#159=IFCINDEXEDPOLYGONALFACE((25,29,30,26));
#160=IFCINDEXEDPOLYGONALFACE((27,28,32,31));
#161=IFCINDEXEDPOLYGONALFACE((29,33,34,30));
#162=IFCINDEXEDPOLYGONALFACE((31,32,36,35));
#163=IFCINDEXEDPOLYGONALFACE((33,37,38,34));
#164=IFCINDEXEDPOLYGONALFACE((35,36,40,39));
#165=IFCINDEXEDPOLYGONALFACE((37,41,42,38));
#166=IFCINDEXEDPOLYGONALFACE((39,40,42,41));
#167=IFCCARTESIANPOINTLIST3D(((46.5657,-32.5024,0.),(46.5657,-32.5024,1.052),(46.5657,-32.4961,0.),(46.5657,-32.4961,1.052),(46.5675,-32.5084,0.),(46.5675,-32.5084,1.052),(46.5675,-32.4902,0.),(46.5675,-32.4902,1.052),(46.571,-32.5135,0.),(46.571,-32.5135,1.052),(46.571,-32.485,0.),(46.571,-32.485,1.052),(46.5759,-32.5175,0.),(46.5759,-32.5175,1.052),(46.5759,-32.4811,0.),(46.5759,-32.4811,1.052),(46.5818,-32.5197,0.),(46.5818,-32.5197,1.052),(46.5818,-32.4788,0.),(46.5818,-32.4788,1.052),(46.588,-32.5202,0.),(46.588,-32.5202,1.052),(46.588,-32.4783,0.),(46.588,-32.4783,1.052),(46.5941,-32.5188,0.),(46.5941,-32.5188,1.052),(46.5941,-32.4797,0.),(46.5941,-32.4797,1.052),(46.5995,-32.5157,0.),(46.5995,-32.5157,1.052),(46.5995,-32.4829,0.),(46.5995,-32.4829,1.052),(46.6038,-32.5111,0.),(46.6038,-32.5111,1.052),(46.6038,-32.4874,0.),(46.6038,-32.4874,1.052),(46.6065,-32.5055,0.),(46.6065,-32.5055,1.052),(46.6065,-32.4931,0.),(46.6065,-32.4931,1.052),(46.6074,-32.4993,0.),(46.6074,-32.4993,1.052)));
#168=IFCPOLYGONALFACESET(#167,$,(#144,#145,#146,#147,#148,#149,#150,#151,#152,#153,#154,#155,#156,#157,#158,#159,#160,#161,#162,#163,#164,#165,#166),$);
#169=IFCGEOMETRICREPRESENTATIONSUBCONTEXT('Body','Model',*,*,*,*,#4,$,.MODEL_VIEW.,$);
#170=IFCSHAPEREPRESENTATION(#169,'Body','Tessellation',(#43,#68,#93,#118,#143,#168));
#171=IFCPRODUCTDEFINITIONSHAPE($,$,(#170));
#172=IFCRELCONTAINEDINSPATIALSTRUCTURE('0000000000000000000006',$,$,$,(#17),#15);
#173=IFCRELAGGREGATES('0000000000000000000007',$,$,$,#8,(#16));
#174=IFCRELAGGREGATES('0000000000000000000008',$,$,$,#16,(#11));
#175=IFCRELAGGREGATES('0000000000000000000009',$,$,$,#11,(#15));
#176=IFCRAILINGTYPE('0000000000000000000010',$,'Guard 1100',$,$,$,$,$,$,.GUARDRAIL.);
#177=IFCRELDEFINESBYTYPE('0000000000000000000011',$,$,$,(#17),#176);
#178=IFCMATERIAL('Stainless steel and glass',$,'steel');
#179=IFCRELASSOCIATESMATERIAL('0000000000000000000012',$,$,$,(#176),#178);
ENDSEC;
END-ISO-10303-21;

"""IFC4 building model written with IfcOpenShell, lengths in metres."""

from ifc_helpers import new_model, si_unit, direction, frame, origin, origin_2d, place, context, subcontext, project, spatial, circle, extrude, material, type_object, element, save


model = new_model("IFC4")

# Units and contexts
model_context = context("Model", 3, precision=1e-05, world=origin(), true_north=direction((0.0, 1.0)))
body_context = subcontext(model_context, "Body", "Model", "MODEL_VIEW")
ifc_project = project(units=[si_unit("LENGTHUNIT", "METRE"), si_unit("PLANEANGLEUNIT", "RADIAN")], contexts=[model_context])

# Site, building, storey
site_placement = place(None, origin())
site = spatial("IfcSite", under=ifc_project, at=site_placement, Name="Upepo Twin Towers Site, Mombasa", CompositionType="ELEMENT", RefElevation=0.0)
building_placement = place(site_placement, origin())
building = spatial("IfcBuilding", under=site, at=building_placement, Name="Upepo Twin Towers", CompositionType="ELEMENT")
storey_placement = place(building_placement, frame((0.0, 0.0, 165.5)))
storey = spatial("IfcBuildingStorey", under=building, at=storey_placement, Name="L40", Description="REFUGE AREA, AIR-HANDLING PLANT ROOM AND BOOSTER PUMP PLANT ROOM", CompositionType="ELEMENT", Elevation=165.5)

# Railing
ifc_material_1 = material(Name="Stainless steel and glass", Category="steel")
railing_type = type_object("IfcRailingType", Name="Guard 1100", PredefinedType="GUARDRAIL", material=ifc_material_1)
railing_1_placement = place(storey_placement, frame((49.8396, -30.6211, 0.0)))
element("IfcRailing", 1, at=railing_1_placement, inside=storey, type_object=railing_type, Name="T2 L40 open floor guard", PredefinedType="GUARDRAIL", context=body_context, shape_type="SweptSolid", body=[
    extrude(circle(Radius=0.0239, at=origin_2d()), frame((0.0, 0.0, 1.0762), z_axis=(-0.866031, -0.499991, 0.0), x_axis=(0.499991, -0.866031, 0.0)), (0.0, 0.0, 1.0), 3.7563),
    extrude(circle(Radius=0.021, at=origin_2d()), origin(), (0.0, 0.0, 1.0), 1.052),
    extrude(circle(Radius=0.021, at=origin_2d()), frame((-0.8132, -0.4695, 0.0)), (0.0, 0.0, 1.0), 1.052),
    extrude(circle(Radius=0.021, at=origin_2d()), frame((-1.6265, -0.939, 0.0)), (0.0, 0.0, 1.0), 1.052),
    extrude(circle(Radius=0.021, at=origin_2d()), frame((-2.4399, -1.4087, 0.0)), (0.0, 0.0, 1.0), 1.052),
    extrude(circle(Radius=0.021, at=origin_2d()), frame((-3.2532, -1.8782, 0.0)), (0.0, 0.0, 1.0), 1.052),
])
· · · ·
— Assignment —
Each line of the data must be written out exactly as it appears.

— Answer area —
#159=IFCINDEXEDPOLYGONALFACE((25,29,30,26));
#160=IFCINDEXEDPOLYGONALFACE((27,28,32,31));
#161=IFCINDEXEDPOLYGONALFACE((29,33,34,30));
#162=IFCINDEXEDPOLYGONALFACE((31,32,36,35));
#163=IFCINDEXEDPOLYGONALFACE((33,37,38,34));
#164=IFCINDEXEDPOLYGONALFACE((35,36,40,39));
#165=IFCINDEXEDPOLYGONALFACE((37,41,42,38));
#166=IFCINDEXEDPOLYGONALFACE((39,40,42,41));
#167=IFCCARTESIANPOINTLIST3D(((46.5657,-32.5024,0.),(46.5657,-32.5024,1.052),(46.5657,-32.4961,0.),(46.5657,-32.4961,1.052),(46.5675,-32.5084,0.),(46.5675,-32.5084,1.052),(46.5675,-32.4902,0.),(46.5675,-32.4902,1.052),(46.571,-32.5135,0.),(46.571,-32.5135,1.052),(46.571,-32.485,0.),(46.571,-32.485,1.052),(46.5759,-32.5175,0.),(46.5759,-32.5175,1.052),(46.5759,-32.4811,0.),(46.5759,-32.4811,1.052),(46.5818,-32.5197,0.),(46.5818,-32.5197,1.052),(46.5818,-32.4788,0.),(46.5818,-32.4788,1.052),(46.588,-32.5202,0.),(46.588,-32.5202,1.052),(46.588,-32.4783,0.),(46.588,-32.4783,1.052),(46.5941,-32.5188,0.),(46.5941,-32.5188,1.052),(46.5941,-32.4797,0.),(46.5941,-32.4797,1.052),(46.5995,-32.5157,0.),(46.5995,-32.5157,1.052),(46.5995,-32.4829,0.),(46.5995,-32.4829,1.052),(46.6038,-32.5111,0.),(46.6038,-32.5111,1.052),(46.6038,-32.4874,0.),(46.6038,-32.4874,1.052),(46.6065,-32.5055,0.),(46.6065,-32.5055,1.052),(46.6065,-32.4931,0.),(46.6065,-32.4931,1.052),(46.6074,-32.4993,0.),(46.6074,-32.4993,1.052)));
#168=IFCPOLYGONALFACESET(#167,$,(#144,#145,#146,#147,#148,#149,#150,#151,#152,#153,#154,#155,#156,#157,#158,#159,#160,#161,#162,#163,#164,#165,#166),$);
#169=IFCGEOMETRICREPRESENTATIONSUBCONTEXT('Body','Model',*,*,*,*,#4,$,.MODEL_VIEW.,$);
#170=IFCSHAPEREPRESENTATION(#169,'Body','Tessellation',(#43,#68,#93,#118,#143,#168));
#171=IFCPRODUCTDEFINITIONSHAPE($,$,(#170));
#172=IFCRELCONTAINEDINSPATIALSTRUCTURE('0000000000000000000006',$,$,$,(#17),#15);
#173=IFCRELAGGREGATES('0000000000000000000007',$,$,$,#8,(#16));
#174=IFCRELAGGREGATES('0000000000000000000008',$,$,$,#16,(#11));
#175=IFCRELAGGREGATES('0000000000000000000009',$,$,$,#11,(#15));
#176=IFCRAILINGTYPE('0000000000000000000010',$,'Guard 1100',$,$,$,$,$,$,.GUARDRAIL.);
#177=IFCRELDEFINESBYTYPE('0000000000000000000011',$,$,$,(#17),#176);
#178=IFCMATERIAL('Stainless steel and glass',$,'steel');
#179=IFCRELASSOCIATESMATERIAL('0000000000000000000012',$,$,$,(#176),#178);
ENDSEC;
END-ISO-10303-21;

"""IFC4 building model written with IfcOpenShell, lengths in metres."""

from ifc_helpers import new_model, si_unit, direction, frame, origin, origin_2d, place, context, subcontext, project, spatial, circle, extrude, material, type_object, element, save


model = new_model("IFC4")

# Units and contexts
model_context = context("Model", 3, precision=1e-05, world=origin(), true_north=direction((0.0, 1.0)))
body_context = subcontext(model_context, "Body", "Model", "MODEL_VIEW")
ifc_project = project(units=[si_unit("LENGTHUNIT", "METRE"), si_unit("PLANEANGLEUNIT", "RADIAN")], contexts=[model_context])

# Site, building, storey
site_placement = place(None, origin())
site = spatial("IfcSite", under=ifc_project, at=site_placement, Name="Upepo Twin Towers Site, Mombasa", CompositionType="ELEMENT", RefElevation=0.0)
building_placement = place(site_placement, origin())
building = spatial("IfcBuilding", under=site, at=building_placement, Name="Upepo Twin Towers", CompositionType="ELEMENT")
storey_placement = place(building_placement, frame((0.0, 0.0, 165.5)))
storey = spatial("IfcBuildingStorey", under=building, at=storey_placement, Name="L40", Description="REFUGE AREA, AIR-HANDLING PLANT ROOM AND BOOSTER PUMP PLANT ROOM", CompositionType="ELEMENT", Elevation=165.5)

# Railing
ifc_material_1 = material(Name="Stainless steel and glass", Category="steel")
railing_type = type_object("IfcRailingType", Name="Guard 1100", PredefinedType="GUARDRAIL", material=ifc_material_1)
railing_1_placement = place(storey_placement, frame((49.8396, -30.6211, 0.0)))
element("IfcRailing", 1, at=railing_1_placement, inside=storey, type_object=railing_type, Name="T2 L40 open floor guard", PredefinedType="GUARDRAIL", context=body_context, shape_type="SweptSolid", body=[
    extrude(circle(Radius=0.0239, at=origin_2d()), frame((0.0, 0.0, 1.0762), z_axis=(-0.866031, -0.499991, 0.0), x_axis=(0.499991, -0.866031, 0.0)), (0.0, 0.0, 1.0), 3.7563),
    extrude(circle(Radius=0.021, at=origin_2d()), origin(), (0.0, 0.0, 1.0), 1.052),
    extrude(circle(Radius=0.021, at=origin_2d()), frame((-0.8132, -0.4695, 0.0)), (0.0, 0.0, 1.0), 1.052),
    extrude(circle(Radius=0.021, at=origin_2d()), frame((-1.6265, -0.939, 0.0)), (0.0, 0.0, 1.0), 1.052),
    extrude(circle(Radius=0.021, at=origin_2d()), frame((-2.4399, -1.4087, 0.0)), (0.0, 0.0, 1.0), 1.052),
    extrude(circle(Radius=0.021, at=origin_2d()), frame((-3.2532, -1.8782, 0.0)), (0.0, 0.0, 1.0), 1.052),
])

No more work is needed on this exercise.